* [INSTRUCTIONS TO FOLLOW] In full and word for word, copy the records that follow.

* [DATA FOR THIS EXERCISE]
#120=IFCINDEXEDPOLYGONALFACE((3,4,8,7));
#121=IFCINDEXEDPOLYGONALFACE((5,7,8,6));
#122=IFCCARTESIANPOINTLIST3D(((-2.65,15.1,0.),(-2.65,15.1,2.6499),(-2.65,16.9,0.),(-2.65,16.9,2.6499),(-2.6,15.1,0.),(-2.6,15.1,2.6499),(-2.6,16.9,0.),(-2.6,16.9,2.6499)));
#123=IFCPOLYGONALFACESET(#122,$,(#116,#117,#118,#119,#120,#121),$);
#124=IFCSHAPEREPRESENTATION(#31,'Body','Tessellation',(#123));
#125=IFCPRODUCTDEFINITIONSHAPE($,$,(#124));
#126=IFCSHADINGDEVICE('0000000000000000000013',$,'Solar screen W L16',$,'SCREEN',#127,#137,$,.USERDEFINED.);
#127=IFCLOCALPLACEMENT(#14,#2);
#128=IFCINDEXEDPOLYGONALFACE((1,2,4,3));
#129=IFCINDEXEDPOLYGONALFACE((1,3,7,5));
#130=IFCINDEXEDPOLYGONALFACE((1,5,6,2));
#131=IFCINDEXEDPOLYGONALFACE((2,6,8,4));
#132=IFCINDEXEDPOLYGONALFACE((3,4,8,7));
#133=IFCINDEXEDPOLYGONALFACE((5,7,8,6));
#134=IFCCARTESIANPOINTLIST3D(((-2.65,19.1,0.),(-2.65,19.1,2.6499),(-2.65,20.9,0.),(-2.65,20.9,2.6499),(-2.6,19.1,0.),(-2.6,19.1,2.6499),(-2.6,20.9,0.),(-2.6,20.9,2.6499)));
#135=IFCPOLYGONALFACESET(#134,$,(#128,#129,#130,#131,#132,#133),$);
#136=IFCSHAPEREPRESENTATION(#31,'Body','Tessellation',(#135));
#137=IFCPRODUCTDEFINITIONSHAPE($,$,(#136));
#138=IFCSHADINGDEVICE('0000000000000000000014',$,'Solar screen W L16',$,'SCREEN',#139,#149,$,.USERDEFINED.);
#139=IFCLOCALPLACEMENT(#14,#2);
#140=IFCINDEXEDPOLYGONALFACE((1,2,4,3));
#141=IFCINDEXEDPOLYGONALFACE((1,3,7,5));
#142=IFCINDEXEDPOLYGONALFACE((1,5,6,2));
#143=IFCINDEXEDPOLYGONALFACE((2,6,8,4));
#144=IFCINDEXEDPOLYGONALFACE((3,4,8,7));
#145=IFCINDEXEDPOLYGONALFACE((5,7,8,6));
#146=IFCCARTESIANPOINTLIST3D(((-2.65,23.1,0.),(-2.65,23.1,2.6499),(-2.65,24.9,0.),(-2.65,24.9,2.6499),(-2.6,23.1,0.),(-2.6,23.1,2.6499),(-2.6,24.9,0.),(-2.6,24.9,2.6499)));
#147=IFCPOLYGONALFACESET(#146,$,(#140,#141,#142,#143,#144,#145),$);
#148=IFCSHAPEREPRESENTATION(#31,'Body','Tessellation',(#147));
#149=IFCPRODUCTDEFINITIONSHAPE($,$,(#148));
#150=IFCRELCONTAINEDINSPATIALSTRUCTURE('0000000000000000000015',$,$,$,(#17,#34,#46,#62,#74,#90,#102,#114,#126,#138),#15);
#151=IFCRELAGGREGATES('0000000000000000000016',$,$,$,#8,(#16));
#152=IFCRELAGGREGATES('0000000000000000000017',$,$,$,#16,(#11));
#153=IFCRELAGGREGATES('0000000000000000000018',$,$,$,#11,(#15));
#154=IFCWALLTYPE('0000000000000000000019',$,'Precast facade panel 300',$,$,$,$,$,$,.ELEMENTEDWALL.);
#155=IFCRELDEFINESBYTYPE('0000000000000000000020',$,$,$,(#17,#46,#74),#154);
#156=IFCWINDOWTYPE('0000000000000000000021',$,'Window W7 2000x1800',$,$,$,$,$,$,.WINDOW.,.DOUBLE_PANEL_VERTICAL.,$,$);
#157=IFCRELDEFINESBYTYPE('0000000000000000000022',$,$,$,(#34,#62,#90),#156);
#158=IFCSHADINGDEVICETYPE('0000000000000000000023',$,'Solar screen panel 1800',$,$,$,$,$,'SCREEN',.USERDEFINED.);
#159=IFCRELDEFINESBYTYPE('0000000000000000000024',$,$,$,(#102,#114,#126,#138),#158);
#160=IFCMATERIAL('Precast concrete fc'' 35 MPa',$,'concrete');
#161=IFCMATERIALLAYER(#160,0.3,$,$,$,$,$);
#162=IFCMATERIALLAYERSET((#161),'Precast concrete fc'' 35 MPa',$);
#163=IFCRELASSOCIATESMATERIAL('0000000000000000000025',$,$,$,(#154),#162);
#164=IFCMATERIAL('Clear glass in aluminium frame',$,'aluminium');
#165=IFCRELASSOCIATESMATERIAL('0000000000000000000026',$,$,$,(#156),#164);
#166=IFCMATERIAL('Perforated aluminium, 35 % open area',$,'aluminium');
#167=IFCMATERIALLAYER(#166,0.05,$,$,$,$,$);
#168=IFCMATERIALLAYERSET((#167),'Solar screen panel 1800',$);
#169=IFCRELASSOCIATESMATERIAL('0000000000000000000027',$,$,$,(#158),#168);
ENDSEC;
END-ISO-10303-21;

* [ANSWER TO THIS EXERCISE]
#120=IFCINDEXEDPOLYGONALFACE((3,4,8,7));
#121=IFCINDEXEDPOLYGONALFACE((5,7,8,6));
#122=IFCCARTESIANPOINTLIST3D(((-2.65,15.1,0.),(-2.65,15.1,2.6499),(-2.65,16.9,0.),(-2.65,16.9,2.6499),(-2.6,15.1,0.),(-2.6,15.1,2.6499),(-2.6,16.9,0.),(-2.6,16.9,2.6499)));
#123=IFCPOLYGONALFACESET(#122,$,(#116,#117,#118,#119,#120,#121),$);
#124=IFCSHAPEREPRESENTATION(#31,'Body','Tessellation',(#123));
#125=IFCPRODUCTDEFINITIONSHAPE($,$,(#124));
#126=IFCSHADINGDEVICE('0000000000000000000013',$,'Solar screen W L16',$,'SCREEN',#127,#137,$,.USERDEFINED.);
#127=IFCLOCALPLACEMENT(#14,#2);
#128=IFCINDEXEDPOLYGONALFACE((1,2,4,3));
#129=IFCINDEXEDPOLYGONALFACE((1,3,7,5));
#130=IFCINDEXEDPOLYGONALFACE((1,5,6,2));
#131=IFCINDEXEDPOLYGONALFACE((2,6,8,4));
#132=IFCINDEXEDPOLYGONALFACE((3,4,8,7));
#133=IFCINDEXEDPOLYGONALFACE((5,7,8,6));
#134=IFCCARTESIANPOINTLIST3D(((-2.65,19.1,0.),(-2.65,19.1,2.6499),(-2.65,20.9,0.),(-2.65,20.9,2.6499),(-2.6,19.1,0.),(-2.6,19.1,2.6499),(-2.6,20.9,0.),(-2.6,20.9,2.6499)));
#135=IFCPOLYGONALFACESET(#134,$,(#128,#129,#130,#131,#132,#133),$);
#136=IFCSHAPEREPRESENTATION(#31,'Body','Tessellation',(#135));
#137=IFCPRODUCTDEFINITIONSHAPE($,$,(#136));
#138=IFCSHADINGDEVICE('0000000000000000000014',$,'Solar screen W L16',$,'SCREEN',#139,#149,$,.USERDEFINED.);
#139=IFCLOCALPLACEMENT(#14,#2);
#140=IFCINDEXEDPOLYGONALFACE((1,2,4,3));
#141=IFCINDEXEDPOLYGONALFACE((1,3,7,5));
#142=IFCINDEXEDPOLYGONALFACE((1,5,6,2));
#143=IFCINDEXEDPOLYGONALFACE((2,6,8,4));
#144=IFCINDEXEDPOLYGONALFACE((3,4,8,7));
#145=IFCINDEXEDPOLYGONALFACE((5,7,8,6));
#146=IFCCARTESIANPOINTLIST3D(((-2.65,23.1,0.),(-2.65,23.1,2.6499),(-2.65,24.9,0.),(-2.65,24.9,2.6499),(-2.6,23.1,0.),(-2.6,23.1,2.6499),(-2.6,24.9,0.),(-2.6,24.9,2.6499)));
#147=IFCPOLYGONALFACESET(#146,$,(#140,#141,#142,#143,#144,#145),$);
#148=IFCSHAPEREPRESENTATION(#31,'Body','Tessellation',(#147));
#149=IFCPRODUCTDEFINITIONSHAPE($,$,(#148));
#150=IFCRELCONTAINEDINSPATIALSTRUCTURE('0000000000000000000015',$,$,$,(#17,#34,#46,#62,#74,#90,#102,#114,#126,#138),#15);
#151=IFCRELAGGREGATES('0000000000000000000016',$,$,$,#8,(#16));
#152=IFCRELAGGREGATES('0000000000000000000017',$,$,$,#16,(#11));
#153=IFCRELAGGREGATES('0000000000000000000018',$,$,$,#11,(#15));
#154=IFCWALLTYPE('0000000000000000000019',$,'Precast facade panel 300',$,$,$,$,$,$,.ELEMENTEDWALL.);
#155=IFCRELDEFINESBYTYPE('0000000000000000000020',$,$,$,(#17,#46,#74),#154);
#156=IFCWINDOWTYPE('0000000000000000000021',$,'Window W7 2000x1800',$,$,$,$,$,$,.WINDOW.,.DOUBLE_PANEL_VERTICAL.,$,$);
#157=IFCRELDEFINESBYTYPE('0000000000000000000022',$,$,$,(#34,#62,#90),#156);
#158=IFCSHADINGDEVICETYPE('0000000000000000000023',$,'Solar screen panel 1800',$,$,$,$,$,'SCREEN',.USERDEFINED.);
#159=IFCRELDEFINESBYTYPE('0000000000000000000024',$,$,$,(#102,#114,#126,#138),#158);
#160=IFCMATERIAL('Precast concrete fc'' 35 MPa',$,'concrete');
#161=IFCMATERIALLAYER(#160,0.3,$,$,$,$,$);
#162=IFCMATERIALLAYERSET((#161),'Precast concrete fc'' 35 MPa',$);
#163=IFCRELASSOCIATESMATERIAL('0000000000000000000025',$,$,$,(#154),#162);
#164=IFCMATERIAL('Clear glass in aluminium frame',$,'aluminium');
#165=IFCRELASSOCIATESMATERIAL('0000000000000000000026',$,$,$,(#156),#164);
#166=IFCMATERIAL('Perforated aluminium, 35 % open area',$,'aluminium');
#167=IFCMATERIALLAYER(#166,0.05,$,$,$,$,$);
#168=IFCMATERIALLAYERSET((#167),'Solar screen panel 1800',$);
#169=IFCRELASSOCIATESMATERIAL('0000000000000000000027',$,$,$,(#158),#168);
ENDSEC;
END-ISO-10303-21;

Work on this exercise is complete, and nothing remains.